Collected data
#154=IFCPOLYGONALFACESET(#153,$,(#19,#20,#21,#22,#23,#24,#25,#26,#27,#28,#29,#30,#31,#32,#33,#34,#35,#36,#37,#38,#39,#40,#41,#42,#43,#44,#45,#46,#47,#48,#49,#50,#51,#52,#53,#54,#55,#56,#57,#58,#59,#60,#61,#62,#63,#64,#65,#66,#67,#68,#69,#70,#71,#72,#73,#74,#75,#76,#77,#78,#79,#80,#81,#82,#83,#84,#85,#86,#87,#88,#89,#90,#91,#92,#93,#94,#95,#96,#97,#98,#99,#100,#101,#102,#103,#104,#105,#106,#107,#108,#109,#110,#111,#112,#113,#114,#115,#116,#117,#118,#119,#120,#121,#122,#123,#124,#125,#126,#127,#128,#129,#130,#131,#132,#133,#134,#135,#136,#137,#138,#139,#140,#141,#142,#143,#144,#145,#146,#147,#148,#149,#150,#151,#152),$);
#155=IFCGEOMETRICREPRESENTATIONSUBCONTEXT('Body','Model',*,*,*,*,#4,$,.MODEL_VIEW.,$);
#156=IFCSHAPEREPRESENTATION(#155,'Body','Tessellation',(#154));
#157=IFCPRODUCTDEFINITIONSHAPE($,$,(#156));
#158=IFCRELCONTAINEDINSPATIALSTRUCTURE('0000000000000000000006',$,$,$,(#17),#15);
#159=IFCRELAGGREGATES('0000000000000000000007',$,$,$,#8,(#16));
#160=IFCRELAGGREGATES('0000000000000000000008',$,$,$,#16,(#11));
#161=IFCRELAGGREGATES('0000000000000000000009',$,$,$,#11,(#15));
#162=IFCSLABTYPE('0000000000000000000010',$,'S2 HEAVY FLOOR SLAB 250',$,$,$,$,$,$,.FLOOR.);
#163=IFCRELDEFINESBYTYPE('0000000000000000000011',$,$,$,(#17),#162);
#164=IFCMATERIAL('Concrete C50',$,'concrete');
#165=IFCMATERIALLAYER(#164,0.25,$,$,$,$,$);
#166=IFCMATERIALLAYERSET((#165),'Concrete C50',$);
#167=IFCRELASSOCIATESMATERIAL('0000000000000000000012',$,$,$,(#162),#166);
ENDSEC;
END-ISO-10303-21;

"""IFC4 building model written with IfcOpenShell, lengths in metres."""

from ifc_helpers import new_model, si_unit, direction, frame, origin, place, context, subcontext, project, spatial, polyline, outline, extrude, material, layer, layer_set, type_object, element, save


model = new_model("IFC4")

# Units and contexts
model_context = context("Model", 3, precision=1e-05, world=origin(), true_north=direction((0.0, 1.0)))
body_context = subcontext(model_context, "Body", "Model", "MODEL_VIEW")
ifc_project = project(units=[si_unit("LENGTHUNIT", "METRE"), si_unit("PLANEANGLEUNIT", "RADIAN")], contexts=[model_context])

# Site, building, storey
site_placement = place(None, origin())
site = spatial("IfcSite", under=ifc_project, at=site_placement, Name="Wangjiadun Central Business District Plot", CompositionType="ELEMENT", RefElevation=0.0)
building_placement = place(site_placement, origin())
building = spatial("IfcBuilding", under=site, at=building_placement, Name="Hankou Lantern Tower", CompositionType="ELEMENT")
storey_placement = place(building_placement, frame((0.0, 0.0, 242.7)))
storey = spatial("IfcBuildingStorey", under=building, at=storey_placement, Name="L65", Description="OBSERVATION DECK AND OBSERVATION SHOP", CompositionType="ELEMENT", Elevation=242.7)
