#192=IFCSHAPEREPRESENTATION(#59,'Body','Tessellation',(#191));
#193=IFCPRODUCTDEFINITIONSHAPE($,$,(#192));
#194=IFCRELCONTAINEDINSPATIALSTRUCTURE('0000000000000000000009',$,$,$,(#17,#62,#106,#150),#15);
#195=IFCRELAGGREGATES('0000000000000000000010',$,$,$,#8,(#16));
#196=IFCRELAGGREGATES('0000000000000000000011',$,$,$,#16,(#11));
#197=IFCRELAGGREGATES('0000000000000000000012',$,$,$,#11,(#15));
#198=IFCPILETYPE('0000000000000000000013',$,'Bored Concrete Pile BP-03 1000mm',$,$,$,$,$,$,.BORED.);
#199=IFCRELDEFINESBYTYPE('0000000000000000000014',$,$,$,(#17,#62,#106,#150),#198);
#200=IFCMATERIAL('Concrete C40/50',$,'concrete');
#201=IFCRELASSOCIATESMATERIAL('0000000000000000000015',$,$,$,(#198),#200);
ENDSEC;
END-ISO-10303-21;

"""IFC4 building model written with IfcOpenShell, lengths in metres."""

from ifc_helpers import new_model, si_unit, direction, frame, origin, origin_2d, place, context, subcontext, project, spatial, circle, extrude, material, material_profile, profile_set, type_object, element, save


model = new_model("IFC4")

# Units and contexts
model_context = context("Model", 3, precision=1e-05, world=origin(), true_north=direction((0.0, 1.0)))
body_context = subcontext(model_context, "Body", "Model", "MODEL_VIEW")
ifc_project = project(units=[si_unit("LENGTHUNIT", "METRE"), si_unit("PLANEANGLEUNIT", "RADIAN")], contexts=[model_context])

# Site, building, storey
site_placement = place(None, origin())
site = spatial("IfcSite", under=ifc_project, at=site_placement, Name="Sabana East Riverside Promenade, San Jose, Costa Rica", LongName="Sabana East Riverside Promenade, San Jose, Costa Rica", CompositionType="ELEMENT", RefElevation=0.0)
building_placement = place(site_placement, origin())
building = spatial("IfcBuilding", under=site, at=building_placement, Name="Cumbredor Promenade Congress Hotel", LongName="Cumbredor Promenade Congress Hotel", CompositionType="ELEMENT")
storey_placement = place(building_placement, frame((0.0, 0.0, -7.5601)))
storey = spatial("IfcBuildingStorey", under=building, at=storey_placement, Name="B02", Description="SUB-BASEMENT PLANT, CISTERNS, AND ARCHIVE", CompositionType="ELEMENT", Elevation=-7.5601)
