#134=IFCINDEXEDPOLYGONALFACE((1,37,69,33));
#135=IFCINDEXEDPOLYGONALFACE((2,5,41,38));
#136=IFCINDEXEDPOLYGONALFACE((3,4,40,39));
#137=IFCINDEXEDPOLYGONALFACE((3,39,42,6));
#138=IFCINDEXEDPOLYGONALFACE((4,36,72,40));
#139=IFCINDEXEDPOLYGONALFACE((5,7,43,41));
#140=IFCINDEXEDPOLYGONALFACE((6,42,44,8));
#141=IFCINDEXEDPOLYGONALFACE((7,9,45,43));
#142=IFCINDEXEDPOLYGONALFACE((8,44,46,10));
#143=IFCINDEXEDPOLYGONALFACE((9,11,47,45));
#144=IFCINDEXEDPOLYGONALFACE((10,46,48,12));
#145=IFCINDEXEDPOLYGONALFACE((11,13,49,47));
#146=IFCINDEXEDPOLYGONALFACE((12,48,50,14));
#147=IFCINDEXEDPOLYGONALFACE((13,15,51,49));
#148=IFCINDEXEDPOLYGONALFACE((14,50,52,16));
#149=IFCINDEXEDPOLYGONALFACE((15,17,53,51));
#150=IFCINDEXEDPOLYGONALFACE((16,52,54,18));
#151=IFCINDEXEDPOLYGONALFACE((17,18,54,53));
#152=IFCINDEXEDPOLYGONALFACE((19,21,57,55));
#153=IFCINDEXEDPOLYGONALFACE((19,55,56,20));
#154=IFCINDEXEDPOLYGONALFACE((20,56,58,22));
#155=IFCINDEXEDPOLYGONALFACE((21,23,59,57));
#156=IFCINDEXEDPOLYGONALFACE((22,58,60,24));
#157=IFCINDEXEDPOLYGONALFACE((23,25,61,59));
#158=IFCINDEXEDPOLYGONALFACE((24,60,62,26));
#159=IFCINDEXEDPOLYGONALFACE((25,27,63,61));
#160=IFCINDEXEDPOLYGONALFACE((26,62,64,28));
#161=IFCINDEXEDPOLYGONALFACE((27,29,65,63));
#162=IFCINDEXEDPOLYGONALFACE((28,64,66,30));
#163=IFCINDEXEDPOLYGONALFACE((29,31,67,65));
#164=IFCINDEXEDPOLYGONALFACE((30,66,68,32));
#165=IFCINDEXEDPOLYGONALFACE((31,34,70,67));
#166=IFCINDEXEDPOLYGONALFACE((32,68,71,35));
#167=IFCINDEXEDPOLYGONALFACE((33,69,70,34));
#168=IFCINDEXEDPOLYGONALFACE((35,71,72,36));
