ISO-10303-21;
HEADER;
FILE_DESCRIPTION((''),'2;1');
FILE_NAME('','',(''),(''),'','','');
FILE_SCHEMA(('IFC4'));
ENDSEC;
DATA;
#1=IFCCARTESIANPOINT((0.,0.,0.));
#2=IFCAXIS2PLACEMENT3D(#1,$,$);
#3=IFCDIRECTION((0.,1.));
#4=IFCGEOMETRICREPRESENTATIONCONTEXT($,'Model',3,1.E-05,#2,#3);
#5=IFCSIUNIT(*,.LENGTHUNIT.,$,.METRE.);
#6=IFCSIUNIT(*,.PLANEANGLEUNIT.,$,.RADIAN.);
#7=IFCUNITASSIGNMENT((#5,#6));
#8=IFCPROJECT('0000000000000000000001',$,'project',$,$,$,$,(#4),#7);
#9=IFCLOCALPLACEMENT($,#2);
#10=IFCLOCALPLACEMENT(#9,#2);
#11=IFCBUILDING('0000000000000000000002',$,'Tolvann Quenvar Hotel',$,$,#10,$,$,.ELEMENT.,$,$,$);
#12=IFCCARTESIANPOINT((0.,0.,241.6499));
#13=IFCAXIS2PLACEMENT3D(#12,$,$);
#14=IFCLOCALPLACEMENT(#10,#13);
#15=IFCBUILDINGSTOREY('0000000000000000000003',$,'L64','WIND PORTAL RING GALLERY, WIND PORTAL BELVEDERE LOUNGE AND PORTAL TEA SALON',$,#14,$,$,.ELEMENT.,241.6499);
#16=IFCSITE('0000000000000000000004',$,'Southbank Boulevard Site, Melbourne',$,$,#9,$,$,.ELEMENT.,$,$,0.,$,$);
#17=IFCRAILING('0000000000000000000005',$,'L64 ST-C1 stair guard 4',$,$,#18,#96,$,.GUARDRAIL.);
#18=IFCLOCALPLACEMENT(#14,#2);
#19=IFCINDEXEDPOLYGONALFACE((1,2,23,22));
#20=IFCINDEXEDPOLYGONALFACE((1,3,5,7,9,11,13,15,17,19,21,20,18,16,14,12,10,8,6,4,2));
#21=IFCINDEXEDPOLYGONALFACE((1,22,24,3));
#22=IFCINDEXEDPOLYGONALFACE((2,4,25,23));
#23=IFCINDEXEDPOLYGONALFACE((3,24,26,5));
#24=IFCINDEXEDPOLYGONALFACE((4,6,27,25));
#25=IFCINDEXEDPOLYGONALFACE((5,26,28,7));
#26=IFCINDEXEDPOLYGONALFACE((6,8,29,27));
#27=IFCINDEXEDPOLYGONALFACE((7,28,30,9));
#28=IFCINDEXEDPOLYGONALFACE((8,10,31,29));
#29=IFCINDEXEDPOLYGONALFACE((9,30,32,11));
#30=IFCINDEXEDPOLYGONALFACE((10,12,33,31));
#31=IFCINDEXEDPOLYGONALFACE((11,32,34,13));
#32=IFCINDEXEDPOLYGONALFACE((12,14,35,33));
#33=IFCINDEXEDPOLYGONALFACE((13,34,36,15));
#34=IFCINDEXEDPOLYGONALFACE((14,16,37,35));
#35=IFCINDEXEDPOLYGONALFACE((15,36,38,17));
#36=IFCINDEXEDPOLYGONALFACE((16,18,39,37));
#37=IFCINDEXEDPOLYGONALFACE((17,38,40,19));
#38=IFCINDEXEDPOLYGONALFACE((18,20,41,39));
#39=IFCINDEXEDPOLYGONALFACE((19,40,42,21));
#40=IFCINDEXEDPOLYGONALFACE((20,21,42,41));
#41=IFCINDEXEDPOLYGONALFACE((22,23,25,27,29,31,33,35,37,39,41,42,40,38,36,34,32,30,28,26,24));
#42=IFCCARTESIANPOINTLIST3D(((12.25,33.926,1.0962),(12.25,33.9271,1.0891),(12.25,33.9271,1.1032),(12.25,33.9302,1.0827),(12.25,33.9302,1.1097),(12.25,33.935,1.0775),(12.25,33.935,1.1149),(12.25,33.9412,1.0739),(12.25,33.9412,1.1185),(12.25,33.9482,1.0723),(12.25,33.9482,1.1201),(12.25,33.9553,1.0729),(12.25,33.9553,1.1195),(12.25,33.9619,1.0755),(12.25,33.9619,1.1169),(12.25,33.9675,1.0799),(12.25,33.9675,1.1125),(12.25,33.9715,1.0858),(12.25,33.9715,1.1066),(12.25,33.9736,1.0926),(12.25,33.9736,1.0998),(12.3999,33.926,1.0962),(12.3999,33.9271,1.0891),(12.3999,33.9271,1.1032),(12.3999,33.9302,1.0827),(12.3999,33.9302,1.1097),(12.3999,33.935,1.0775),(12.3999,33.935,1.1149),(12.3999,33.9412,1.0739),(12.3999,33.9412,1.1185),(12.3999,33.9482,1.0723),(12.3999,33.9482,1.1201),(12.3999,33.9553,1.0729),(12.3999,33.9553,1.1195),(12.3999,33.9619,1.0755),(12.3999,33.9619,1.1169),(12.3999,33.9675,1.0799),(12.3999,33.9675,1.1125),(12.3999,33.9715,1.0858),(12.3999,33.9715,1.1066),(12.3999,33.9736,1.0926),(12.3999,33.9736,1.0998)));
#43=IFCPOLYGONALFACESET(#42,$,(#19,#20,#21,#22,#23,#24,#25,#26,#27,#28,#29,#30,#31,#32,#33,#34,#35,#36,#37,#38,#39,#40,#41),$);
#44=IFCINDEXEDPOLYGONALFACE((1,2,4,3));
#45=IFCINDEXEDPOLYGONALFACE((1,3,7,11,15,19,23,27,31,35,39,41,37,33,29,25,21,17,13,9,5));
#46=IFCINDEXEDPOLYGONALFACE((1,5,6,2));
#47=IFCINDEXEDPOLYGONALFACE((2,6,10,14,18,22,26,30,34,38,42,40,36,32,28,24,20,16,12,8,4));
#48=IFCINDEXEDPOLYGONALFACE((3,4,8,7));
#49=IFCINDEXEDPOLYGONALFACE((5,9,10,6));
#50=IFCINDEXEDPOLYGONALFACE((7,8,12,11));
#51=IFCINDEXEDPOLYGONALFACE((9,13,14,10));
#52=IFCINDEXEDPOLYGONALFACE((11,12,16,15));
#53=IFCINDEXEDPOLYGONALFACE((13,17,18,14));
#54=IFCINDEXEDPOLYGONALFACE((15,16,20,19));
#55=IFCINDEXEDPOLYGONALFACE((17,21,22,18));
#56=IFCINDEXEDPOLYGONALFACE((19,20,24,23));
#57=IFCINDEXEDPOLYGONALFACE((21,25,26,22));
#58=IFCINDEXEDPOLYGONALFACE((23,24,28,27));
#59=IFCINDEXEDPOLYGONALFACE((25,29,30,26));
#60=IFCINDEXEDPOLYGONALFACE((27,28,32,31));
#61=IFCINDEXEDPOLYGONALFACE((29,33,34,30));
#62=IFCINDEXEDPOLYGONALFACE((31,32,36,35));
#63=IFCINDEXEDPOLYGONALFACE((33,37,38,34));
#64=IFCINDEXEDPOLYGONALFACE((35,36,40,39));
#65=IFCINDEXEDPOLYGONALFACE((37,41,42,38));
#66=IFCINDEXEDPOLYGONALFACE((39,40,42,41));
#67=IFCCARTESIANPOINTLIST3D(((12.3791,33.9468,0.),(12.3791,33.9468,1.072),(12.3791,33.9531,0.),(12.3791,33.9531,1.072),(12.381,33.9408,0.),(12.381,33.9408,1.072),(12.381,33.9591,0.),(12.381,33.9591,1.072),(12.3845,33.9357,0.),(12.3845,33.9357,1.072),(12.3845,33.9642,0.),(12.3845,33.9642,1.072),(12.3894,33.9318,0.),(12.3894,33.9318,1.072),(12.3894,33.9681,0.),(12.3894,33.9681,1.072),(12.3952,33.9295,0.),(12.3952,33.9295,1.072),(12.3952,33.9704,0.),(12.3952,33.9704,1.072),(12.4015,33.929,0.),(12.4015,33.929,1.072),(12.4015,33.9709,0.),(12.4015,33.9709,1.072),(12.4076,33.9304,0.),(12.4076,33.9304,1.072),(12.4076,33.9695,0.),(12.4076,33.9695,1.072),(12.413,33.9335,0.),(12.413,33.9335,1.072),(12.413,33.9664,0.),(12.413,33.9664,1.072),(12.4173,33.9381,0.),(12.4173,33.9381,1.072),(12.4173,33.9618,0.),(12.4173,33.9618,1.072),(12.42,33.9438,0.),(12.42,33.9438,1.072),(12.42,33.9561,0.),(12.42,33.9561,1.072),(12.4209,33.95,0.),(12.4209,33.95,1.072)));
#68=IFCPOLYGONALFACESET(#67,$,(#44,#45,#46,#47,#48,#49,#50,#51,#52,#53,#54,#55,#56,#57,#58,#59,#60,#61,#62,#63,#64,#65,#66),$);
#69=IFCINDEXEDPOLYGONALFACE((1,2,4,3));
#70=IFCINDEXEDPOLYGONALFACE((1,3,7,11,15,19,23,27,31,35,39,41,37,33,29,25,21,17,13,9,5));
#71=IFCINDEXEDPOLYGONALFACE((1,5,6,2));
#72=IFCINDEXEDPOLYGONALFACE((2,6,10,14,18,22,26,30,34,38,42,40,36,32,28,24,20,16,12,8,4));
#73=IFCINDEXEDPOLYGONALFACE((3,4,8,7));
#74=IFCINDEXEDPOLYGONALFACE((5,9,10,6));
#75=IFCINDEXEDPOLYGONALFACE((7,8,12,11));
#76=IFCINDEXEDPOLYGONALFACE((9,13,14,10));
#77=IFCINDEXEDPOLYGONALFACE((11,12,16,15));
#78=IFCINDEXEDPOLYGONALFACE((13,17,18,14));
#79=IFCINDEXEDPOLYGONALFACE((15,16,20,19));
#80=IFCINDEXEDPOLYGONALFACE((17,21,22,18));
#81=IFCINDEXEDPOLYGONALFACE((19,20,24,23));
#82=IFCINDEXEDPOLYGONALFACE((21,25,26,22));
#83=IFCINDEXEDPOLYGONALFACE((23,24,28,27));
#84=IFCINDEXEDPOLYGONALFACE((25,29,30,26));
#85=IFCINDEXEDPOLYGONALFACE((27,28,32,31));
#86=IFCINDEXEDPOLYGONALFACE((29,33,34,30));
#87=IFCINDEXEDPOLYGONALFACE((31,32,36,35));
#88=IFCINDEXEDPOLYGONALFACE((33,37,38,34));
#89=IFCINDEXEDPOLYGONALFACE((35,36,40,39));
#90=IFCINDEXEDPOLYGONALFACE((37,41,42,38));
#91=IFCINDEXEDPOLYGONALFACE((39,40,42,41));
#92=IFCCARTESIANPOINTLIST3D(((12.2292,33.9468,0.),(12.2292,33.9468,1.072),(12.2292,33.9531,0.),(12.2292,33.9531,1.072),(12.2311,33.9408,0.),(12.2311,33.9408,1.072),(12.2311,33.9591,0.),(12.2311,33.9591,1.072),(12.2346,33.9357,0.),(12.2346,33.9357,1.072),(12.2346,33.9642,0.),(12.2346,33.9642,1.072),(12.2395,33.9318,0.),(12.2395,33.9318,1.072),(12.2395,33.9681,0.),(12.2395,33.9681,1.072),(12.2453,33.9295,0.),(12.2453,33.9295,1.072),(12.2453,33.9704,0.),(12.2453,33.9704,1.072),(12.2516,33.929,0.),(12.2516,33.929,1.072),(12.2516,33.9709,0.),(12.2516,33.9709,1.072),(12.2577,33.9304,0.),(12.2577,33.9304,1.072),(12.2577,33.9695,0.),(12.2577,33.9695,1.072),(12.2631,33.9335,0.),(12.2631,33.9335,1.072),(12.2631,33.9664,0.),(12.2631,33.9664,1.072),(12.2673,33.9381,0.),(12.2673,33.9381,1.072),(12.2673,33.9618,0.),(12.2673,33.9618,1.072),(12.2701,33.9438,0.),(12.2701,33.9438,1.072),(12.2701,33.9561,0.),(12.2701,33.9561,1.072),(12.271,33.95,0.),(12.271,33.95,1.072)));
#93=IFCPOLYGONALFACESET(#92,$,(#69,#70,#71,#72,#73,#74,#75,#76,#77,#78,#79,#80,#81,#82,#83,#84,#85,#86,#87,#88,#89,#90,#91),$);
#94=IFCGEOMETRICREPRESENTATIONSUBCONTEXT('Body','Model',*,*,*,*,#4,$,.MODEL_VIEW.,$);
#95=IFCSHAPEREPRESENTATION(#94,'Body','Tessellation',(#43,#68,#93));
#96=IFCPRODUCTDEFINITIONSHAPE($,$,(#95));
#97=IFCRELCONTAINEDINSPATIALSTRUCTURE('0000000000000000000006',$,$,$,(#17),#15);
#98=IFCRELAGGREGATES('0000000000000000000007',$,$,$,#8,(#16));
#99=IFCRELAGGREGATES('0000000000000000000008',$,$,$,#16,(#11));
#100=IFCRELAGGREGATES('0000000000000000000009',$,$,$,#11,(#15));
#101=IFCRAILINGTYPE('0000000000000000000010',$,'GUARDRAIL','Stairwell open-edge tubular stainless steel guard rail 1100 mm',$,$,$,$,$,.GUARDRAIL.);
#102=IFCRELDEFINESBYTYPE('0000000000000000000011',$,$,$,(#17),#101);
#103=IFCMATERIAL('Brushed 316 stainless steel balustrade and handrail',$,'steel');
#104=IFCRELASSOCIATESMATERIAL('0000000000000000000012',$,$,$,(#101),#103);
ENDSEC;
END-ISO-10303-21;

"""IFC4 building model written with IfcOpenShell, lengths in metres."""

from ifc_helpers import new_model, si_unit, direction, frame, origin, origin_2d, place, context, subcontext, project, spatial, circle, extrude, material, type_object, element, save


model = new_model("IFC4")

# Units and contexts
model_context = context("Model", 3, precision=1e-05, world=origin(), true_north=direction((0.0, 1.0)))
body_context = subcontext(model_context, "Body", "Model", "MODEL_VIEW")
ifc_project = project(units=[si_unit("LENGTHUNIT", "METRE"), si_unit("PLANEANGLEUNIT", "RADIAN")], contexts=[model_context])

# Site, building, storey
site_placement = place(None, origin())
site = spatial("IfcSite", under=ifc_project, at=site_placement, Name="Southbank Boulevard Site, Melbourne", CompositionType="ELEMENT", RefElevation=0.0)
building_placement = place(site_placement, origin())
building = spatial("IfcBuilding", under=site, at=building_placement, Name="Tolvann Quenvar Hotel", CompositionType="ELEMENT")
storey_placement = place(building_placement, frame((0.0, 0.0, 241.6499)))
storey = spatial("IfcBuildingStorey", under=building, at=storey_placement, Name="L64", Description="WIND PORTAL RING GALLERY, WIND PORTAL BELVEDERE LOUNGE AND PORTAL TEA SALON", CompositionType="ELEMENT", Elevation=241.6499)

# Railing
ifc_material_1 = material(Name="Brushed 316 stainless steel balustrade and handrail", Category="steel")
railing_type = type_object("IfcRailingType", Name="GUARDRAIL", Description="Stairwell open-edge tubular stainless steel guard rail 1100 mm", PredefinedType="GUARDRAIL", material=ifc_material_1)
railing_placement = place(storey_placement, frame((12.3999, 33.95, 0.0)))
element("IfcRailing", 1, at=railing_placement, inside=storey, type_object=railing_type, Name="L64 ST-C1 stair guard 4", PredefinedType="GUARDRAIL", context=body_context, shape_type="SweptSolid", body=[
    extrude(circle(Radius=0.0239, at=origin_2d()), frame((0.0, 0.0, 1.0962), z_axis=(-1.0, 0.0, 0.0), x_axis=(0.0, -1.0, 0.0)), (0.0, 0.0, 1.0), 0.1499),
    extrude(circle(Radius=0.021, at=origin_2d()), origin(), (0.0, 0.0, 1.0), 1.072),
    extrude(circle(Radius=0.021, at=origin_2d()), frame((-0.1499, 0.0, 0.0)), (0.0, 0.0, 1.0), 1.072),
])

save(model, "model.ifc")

> _What is needed_: Every line above from the line with "#84=IFCINDEXEDPOLYGONALFACE((25,29,30,26));" to the line with "#91=IFCINDEXEDPOLYGONALFACE((39,40,42,41));" is wanted, ends included; write them out exactly and add no other line.

> _Answer space_:
#84=IFCINDEXEDPOLYGONALFACE((25,29,30,26));
#85=IFCINDEXEDPOLYGONALFACE((27,28,32,31));
#86=IFCINDEXEDPOLYGONALFACE((29,33,34,30));
#87=IFCINDEXEDPOLYGONALFACE((31,32,36,35));
#88=IFCINDEXEDPOLYGONALFACE((33,37,38,34));
#89=IFCINDEXEDPOLYGONALFACE((35,36,40,39));
#90=IFCINDEXEDPOLYGONALFACE((37,41,42,38));
#91=IFCINDEXEDPOLYGONALFACE((39,40,42,41));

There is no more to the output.